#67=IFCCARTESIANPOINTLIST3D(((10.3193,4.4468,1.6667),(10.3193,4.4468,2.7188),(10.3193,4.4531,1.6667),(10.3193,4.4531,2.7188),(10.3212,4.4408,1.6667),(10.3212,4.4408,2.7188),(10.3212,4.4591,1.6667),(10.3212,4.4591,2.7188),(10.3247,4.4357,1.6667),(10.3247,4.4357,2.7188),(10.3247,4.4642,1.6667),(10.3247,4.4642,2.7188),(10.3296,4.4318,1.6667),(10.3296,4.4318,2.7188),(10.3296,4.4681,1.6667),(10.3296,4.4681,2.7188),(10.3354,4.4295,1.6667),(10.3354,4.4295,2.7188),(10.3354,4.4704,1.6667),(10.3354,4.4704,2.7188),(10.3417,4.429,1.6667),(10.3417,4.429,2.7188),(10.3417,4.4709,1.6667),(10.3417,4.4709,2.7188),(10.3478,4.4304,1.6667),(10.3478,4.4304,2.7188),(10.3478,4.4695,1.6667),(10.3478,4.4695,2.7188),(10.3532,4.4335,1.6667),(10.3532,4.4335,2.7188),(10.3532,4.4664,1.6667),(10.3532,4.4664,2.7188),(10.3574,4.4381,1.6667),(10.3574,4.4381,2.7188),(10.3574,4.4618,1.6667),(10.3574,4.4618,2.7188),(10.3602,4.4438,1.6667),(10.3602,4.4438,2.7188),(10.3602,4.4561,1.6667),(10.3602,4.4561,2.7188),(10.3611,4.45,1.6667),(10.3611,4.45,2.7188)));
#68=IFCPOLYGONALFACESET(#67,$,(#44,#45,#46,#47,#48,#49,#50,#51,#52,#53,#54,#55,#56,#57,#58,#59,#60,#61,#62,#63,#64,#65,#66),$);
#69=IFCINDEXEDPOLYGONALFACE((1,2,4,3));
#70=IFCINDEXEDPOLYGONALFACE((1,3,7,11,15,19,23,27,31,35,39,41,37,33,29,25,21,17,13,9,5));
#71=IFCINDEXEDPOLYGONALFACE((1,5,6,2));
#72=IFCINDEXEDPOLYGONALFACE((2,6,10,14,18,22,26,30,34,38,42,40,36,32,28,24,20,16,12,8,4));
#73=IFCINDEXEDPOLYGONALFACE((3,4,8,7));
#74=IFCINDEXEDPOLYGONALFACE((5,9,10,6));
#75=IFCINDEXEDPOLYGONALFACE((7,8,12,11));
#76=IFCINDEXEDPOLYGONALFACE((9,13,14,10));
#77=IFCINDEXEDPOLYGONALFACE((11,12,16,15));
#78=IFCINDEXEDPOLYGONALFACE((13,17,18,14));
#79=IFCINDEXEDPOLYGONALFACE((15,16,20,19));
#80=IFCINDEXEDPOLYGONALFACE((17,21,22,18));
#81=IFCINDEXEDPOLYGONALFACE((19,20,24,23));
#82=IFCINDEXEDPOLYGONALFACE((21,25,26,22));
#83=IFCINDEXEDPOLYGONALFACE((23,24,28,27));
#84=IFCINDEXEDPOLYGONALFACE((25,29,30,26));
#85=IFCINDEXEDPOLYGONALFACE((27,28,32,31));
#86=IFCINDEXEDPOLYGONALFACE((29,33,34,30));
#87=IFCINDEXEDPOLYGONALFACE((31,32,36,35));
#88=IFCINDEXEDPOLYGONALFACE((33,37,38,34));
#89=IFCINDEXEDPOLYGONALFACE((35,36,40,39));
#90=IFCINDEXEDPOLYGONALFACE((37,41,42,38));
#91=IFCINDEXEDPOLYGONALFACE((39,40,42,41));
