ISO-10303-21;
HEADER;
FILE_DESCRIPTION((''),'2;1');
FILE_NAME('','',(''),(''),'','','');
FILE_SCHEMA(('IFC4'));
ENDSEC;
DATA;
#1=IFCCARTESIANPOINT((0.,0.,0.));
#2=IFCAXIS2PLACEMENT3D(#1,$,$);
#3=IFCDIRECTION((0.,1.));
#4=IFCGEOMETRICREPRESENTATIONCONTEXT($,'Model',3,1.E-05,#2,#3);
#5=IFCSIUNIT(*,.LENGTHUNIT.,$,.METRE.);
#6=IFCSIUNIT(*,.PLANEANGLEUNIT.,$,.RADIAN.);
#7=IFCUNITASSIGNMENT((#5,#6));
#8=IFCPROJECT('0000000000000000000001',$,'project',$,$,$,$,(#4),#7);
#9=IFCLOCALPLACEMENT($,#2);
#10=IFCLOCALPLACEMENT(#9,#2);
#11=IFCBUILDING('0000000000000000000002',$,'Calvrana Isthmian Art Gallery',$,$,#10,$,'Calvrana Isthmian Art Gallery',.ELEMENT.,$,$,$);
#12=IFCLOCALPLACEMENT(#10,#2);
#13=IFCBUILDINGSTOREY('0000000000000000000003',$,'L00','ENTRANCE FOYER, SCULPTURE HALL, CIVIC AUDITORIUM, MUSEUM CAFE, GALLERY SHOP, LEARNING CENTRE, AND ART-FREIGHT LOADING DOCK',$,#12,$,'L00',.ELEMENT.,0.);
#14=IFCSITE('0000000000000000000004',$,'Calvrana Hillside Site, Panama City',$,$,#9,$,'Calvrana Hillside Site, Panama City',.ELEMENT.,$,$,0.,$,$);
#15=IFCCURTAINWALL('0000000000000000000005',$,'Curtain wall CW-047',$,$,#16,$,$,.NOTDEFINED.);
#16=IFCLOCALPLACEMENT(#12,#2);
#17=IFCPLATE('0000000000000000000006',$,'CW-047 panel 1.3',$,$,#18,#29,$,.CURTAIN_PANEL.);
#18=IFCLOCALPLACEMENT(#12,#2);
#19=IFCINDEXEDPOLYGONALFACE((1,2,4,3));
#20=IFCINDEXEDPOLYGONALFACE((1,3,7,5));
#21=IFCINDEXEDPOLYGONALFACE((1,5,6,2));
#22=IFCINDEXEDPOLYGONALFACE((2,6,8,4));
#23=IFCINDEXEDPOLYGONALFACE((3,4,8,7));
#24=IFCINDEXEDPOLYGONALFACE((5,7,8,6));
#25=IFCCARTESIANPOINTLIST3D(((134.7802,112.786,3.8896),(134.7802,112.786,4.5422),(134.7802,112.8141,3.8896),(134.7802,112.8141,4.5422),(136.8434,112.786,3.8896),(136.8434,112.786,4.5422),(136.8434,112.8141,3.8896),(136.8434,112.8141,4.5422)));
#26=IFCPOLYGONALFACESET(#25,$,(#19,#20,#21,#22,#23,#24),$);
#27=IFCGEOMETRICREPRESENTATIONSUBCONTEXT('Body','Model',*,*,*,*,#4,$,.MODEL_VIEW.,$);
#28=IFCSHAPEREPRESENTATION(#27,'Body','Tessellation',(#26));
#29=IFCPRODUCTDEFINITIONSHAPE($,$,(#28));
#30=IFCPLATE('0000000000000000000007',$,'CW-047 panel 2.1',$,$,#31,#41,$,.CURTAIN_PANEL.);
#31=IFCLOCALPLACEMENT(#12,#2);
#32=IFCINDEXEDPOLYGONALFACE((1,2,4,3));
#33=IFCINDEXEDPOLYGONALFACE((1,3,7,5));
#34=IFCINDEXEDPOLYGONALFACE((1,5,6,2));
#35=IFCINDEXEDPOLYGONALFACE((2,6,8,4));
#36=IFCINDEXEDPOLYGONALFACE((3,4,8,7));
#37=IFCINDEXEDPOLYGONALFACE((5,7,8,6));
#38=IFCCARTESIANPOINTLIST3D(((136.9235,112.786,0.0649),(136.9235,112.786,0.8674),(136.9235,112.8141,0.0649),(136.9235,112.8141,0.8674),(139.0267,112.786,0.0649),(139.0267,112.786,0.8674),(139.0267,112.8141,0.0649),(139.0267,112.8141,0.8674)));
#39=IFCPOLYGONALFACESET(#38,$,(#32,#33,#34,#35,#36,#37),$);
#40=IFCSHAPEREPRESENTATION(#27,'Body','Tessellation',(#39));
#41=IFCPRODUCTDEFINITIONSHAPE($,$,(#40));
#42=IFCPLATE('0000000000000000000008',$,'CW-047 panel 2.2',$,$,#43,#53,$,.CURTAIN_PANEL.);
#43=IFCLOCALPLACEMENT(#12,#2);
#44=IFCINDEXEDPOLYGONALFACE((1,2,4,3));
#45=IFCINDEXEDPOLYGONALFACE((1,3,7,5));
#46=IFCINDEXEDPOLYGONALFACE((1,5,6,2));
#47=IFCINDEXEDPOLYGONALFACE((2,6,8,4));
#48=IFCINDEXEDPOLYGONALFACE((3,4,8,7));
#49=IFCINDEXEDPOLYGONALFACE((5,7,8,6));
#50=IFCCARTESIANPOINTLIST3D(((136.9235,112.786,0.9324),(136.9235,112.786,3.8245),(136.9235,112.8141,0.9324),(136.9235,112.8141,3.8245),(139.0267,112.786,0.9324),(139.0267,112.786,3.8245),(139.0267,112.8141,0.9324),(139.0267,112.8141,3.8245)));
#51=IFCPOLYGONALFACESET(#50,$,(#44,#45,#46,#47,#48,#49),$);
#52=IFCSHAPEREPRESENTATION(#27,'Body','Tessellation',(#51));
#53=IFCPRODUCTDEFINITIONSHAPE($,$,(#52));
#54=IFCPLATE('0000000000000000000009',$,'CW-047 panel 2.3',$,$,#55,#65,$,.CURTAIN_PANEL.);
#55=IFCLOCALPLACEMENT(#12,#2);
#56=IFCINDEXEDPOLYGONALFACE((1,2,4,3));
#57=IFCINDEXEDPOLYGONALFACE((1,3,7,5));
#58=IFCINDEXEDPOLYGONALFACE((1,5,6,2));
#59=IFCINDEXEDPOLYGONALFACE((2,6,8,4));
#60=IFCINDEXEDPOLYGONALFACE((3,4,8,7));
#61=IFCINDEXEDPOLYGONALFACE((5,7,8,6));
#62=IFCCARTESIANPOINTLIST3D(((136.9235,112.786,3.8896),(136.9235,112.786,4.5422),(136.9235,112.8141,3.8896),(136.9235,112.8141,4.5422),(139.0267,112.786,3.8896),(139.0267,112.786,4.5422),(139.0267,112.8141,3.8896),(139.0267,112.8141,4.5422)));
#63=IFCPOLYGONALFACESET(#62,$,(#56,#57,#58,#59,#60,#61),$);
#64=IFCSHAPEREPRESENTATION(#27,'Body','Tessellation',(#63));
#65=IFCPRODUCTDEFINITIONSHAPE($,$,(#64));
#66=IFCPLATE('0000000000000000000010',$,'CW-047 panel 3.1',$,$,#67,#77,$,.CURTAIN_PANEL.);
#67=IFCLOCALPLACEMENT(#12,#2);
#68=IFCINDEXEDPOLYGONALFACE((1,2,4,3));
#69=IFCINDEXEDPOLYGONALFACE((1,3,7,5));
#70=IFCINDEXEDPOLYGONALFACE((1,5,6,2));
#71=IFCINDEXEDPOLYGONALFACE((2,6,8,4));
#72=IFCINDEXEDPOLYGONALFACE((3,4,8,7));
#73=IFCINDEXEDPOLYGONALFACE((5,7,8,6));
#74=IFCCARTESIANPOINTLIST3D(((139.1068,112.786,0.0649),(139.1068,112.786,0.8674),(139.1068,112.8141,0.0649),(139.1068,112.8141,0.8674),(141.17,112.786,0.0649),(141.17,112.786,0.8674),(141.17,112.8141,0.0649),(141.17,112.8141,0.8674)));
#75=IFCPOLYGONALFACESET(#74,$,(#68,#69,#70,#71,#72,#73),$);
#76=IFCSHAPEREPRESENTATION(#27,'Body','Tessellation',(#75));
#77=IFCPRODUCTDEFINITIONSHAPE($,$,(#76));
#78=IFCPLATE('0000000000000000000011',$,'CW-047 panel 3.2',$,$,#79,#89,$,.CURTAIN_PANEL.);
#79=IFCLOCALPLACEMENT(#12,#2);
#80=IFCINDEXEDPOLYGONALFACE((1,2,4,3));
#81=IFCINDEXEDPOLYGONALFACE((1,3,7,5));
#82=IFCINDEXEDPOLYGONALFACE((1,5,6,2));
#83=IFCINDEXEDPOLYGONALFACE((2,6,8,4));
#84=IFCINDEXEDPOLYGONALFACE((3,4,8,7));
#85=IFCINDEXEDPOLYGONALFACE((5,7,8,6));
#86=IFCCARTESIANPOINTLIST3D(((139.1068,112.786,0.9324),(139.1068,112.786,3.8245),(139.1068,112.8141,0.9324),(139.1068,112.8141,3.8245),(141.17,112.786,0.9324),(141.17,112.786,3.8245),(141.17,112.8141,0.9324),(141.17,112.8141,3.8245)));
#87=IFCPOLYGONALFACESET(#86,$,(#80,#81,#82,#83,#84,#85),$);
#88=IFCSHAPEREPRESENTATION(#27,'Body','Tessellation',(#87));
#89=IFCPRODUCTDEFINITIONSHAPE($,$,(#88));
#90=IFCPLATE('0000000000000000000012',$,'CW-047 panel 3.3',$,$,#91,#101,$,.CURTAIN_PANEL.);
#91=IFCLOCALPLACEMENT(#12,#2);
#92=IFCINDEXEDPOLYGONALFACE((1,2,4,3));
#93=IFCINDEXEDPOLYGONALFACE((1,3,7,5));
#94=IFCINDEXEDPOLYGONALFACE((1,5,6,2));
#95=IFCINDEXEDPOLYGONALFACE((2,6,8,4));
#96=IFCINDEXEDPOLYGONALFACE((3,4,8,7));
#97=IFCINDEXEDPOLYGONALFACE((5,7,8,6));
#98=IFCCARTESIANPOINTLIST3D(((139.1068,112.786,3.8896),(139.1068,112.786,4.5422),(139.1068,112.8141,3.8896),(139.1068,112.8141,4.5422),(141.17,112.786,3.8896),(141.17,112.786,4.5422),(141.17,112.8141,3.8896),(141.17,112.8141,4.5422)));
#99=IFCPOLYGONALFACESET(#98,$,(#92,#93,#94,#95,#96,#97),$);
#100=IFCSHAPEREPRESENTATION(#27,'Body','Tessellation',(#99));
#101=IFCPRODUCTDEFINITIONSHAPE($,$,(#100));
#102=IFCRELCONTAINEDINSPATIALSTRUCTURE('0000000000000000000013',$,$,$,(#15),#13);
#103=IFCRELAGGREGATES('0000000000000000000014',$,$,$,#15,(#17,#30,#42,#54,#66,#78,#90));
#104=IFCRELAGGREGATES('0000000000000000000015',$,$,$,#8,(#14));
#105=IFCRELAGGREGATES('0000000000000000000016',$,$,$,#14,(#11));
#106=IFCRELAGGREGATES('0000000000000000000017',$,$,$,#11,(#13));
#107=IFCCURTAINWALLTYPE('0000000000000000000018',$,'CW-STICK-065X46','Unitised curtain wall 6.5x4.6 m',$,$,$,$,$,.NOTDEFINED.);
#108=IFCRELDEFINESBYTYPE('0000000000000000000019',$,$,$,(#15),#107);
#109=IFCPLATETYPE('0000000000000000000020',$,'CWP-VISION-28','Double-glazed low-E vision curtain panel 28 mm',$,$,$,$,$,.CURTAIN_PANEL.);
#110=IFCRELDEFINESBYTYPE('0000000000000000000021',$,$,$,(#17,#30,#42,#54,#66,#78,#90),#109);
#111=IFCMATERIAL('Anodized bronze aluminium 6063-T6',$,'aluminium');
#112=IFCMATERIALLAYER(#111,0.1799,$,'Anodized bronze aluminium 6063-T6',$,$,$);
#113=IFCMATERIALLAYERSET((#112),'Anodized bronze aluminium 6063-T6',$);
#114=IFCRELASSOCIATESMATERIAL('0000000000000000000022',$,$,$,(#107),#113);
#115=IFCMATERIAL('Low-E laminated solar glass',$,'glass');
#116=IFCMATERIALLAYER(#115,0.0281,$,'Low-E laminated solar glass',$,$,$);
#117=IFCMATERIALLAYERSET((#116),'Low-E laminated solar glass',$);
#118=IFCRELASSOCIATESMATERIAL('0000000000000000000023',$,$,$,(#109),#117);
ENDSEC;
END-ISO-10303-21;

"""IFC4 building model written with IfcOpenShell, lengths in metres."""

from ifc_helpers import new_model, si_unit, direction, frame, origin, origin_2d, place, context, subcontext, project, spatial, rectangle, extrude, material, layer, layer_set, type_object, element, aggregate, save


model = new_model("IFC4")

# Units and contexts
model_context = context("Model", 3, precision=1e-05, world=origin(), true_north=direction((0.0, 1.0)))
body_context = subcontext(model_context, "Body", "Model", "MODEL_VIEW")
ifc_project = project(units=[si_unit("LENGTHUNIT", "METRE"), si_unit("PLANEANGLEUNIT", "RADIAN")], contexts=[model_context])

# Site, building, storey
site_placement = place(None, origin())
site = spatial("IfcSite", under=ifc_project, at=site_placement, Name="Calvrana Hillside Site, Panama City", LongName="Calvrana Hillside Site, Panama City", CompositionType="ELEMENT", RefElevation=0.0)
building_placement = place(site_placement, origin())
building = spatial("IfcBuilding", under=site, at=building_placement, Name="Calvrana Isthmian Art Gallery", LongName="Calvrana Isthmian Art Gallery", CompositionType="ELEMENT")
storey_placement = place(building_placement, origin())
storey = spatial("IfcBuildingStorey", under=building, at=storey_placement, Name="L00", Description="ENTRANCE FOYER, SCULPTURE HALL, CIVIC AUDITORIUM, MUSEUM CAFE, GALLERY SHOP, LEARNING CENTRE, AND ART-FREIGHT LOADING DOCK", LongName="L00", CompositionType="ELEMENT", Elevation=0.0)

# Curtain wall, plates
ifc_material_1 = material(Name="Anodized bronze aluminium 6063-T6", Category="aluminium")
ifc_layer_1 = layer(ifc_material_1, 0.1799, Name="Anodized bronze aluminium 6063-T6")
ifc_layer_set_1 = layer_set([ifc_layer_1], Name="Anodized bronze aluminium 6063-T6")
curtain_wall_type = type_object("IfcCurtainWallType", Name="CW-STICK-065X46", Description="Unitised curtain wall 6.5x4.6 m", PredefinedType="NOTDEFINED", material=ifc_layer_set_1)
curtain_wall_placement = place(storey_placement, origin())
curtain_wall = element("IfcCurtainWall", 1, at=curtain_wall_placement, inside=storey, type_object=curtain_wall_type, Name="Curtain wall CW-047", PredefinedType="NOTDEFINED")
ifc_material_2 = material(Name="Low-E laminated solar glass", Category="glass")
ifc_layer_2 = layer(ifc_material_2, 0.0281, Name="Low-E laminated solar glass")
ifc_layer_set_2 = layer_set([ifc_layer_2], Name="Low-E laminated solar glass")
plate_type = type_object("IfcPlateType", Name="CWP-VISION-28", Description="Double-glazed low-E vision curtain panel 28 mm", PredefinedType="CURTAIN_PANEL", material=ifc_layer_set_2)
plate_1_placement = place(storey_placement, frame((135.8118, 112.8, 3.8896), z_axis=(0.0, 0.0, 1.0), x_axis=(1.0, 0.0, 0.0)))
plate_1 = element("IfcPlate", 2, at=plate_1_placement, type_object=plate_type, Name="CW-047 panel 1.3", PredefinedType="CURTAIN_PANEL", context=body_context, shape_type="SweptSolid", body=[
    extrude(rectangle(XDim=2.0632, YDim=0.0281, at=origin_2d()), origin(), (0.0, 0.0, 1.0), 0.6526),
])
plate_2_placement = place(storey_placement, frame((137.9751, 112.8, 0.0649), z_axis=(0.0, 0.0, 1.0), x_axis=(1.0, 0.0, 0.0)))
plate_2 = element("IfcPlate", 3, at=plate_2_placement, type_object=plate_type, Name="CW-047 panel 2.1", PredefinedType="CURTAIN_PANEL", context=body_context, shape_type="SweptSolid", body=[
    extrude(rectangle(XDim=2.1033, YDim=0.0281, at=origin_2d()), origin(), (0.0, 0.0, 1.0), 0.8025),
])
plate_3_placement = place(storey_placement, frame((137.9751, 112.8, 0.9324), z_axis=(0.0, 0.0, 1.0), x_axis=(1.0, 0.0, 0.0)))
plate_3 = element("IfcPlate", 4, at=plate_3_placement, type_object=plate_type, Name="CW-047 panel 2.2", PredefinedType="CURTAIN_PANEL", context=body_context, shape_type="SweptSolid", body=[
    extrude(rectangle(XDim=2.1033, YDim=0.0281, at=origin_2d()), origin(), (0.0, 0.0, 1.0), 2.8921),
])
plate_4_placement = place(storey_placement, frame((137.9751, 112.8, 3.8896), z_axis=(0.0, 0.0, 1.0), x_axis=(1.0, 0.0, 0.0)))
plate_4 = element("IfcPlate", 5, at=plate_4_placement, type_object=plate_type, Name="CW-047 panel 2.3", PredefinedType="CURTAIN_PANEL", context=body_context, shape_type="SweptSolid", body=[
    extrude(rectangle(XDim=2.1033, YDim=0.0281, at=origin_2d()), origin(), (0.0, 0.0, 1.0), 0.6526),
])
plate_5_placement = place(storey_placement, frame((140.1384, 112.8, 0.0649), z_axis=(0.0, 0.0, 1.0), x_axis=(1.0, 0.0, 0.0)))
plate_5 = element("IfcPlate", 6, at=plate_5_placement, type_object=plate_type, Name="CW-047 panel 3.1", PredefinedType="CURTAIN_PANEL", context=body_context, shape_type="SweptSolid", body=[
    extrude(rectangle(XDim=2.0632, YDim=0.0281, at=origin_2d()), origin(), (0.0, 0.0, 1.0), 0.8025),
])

—————

Transcribe each line of the data above, unaltered, from the one where "#47=IFCINDEXEDPOLYGONALFACE((2,6,8,4));" appears to the one where "#53=IFCPRODUCTDEFINITIONSHAPE($,$,(#52));" appears, inclusive of both.

#47=IFCINDEXEDPOLYGONALFACE((2,6,8,4));
#48=IFCINDEXEDPOLYGONALFACE((3,4,8,7));
#49=IFCINDEXEDPOLYGONALFACE((5,7,8,6));
#50=IFCCARTESIANPOINTLIST3D(((136.9235,112.786,0.9324),(136.9235,112.786,3.8245),(136.9235,112.8141,0.9324),(136.9235,112.8141,3.8245),(139.0267,112.786,0.9324),(139.0267,112.786,3.8245),(139.0267,112.8141,0.9324),(139.0267,112.8141,3.8245)));
#51=IFCPOLYGONALFACESET(#50,$,(#44,#45,#46,#47,#48,#49),$);
#52=IFCSHAPEREPRESENTATION(#27,'Body','Tessellation',(#51));
#53=IFCPRODUCTDEFINITIONSHAPE($,$,(#52));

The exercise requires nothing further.